EXERCISE OBJECTIVE ->
Return every line below in which "Anodised" appears.

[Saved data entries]

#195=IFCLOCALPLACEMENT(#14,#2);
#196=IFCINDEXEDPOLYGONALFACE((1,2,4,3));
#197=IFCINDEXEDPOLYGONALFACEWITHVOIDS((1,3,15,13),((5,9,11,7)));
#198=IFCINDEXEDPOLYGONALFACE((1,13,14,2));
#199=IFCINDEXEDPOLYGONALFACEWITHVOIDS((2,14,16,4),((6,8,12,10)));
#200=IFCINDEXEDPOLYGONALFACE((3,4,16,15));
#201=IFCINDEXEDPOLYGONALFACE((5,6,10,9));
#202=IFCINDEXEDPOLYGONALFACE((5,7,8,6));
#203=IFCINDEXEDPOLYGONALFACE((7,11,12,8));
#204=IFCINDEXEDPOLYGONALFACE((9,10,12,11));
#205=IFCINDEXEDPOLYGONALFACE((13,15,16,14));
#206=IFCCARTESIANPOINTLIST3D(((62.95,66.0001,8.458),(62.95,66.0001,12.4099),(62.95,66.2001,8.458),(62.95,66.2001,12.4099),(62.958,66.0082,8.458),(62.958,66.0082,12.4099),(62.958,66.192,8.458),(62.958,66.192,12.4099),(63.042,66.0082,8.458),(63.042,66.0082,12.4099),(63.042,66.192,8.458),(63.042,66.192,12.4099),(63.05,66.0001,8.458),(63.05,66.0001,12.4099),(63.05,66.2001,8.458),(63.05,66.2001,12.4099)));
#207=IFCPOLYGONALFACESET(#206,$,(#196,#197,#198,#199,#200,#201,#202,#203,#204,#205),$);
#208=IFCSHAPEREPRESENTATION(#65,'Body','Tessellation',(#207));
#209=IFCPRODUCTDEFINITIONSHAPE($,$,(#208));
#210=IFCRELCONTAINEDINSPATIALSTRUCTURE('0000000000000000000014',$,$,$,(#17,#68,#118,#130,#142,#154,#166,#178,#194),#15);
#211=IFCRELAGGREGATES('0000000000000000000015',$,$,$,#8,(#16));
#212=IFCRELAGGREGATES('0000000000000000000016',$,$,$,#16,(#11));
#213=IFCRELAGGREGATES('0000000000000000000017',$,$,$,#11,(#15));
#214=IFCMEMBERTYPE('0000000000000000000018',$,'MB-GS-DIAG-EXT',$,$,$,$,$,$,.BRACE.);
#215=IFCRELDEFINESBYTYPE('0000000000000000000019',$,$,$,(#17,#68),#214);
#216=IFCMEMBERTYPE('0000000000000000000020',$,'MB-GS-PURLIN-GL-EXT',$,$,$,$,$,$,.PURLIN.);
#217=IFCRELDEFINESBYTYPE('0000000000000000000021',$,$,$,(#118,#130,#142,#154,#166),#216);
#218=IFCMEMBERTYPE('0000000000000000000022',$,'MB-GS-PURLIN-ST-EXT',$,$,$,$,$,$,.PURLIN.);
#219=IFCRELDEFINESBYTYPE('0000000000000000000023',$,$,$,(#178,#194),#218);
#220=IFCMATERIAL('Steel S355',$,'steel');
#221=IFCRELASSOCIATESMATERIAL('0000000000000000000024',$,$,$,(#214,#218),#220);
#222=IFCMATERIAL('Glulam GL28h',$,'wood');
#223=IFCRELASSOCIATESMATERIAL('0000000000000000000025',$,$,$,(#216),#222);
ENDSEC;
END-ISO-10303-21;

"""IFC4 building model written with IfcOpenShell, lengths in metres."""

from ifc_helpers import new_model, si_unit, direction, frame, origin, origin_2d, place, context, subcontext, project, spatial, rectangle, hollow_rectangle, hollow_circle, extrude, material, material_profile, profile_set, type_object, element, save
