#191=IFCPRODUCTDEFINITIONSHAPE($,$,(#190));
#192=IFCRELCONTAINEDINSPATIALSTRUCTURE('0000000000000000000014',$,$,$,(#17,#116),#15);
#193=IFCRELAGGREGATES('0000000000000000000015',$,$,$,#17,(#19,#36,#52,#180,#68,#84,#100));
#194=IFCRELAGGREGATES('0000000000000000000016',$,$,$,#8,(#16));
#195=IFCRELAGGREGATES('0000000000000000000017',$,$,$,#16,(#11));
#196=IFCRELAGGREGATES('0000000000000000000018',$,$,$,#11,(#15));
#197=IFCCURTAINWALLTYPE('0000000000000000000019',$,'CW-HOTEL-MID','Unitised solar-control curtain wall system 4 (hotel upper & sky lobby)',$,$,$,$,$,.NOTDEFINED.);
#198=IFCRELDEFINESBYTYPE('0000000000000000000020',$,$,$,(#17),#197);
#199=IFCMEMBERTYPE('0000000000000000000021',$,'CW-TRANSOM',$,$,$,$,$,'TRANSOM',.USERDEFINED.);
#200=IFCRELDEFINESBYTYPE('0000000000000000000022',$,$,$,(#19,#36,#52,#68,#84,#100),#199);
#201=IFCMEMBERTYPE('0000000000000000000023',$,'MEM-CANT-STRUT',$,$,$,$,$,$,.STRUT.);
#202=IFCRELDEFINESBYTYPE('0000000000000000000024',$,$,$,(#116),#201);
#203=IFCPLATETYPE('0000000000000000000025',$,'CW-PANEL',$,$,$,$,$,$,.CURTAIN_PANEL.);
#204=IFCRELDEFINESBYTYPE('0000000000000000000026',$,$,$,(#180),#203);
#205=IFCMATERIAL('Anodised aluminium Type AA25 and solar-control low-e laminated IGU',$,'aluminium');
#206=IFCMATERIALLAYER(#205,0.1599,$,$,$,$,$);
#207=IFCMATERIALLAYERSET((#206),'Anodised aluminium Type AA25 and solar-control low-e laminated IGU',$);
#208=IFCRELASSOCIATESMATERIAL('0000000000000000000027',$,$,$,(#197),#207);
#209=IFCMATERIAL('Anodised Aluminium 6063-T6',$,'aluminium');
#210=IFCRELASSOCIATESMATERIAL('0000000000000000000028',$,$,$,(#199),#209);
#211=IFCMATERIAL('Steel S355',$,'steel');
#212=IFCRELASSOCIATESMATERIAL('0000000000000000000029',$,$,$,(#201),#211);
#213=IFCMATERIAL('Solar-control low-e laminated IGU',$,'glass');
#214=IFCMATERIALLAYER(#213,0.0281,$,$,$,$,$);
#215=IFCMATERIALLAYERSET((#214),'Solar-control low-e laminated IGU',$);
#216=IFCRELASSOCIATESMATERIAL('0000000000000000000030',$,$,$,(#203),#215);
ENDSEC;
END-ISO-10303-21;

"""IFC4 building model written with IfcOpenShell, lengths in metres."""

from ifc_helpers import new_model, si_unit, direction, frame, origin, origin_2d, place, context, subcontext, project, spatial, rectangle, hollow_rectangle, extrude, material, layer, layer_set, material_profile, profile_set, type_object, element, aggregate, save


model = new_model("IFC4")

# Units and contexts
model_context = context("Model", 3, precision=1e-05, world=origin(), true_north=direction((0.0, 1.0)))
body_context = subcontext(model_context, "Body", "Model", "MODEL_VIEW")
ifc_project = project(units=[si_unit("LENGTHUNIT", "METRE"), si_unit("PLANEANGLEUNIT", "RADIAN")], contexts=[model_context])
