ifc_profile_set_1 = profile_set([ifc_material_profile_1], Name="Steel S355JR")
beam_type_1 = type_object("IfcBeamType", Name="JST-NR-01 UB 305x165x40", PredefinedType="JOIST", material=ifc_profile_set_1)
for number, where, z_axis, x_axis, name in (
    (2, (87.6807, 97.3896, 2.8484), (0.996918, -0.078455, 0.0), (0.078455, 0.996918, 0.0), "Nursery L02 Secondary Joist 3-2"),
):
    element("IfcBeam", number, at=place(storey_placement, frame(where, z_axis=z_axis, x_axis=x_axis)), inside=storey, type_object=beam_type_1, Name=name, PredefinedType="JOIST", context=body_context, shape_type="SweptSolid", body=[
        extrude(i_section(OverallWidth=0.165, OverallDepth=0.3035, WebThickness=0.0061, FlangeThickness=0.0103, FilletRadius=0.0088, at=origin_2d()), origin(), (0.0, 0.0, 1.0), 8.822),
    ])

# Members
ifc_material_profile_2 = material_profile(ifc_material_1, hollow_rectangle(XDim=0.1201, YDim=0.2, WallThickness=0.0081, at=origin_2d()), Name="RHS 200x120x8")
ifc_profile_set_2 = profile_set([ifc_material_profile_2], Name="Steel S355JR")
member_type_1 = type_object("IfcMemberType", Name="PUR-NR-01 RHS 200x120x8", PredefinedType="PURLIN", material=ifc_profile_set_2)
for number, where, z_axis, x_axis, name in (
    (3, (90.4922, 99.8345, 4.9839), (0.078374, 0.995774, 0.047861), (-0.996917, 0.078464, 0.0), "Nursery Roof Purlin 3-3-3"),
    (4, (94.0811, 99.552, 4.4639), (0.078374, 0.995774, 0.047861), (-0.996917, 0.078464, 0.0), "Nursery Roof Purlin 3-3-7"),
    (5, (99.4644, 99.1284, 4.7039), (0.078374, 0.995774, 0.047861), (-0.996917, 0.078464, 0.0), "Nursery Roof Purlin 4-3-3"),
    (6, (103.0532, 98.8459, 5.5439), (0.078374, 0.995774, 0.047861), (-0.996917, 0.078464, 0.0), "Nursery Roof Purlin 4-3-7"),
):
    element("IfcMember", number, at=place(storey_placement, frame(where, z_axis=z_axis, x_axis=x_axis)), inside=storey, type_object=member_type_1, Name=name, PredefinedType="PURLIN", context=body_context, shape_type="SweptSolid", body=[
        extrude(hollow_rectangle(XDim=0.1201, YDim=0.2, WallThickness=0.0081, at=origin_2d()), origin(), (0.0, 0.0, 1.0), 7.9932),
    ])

RESULT OF THE EXERCISE ->
#205=IFCMATERIAL('Anodised aluminium Type AA25 and solar-control low-e laminated IGU',$,'aluminium');
#207=IFCMATERIALLAYERSET((#206),'Anodised aluminium Type AA25 and solar-control low-e laminated IGU',$);
#209=IFCMATERIAL('Anodised Aluminium 6063-T6',$,'aluminium');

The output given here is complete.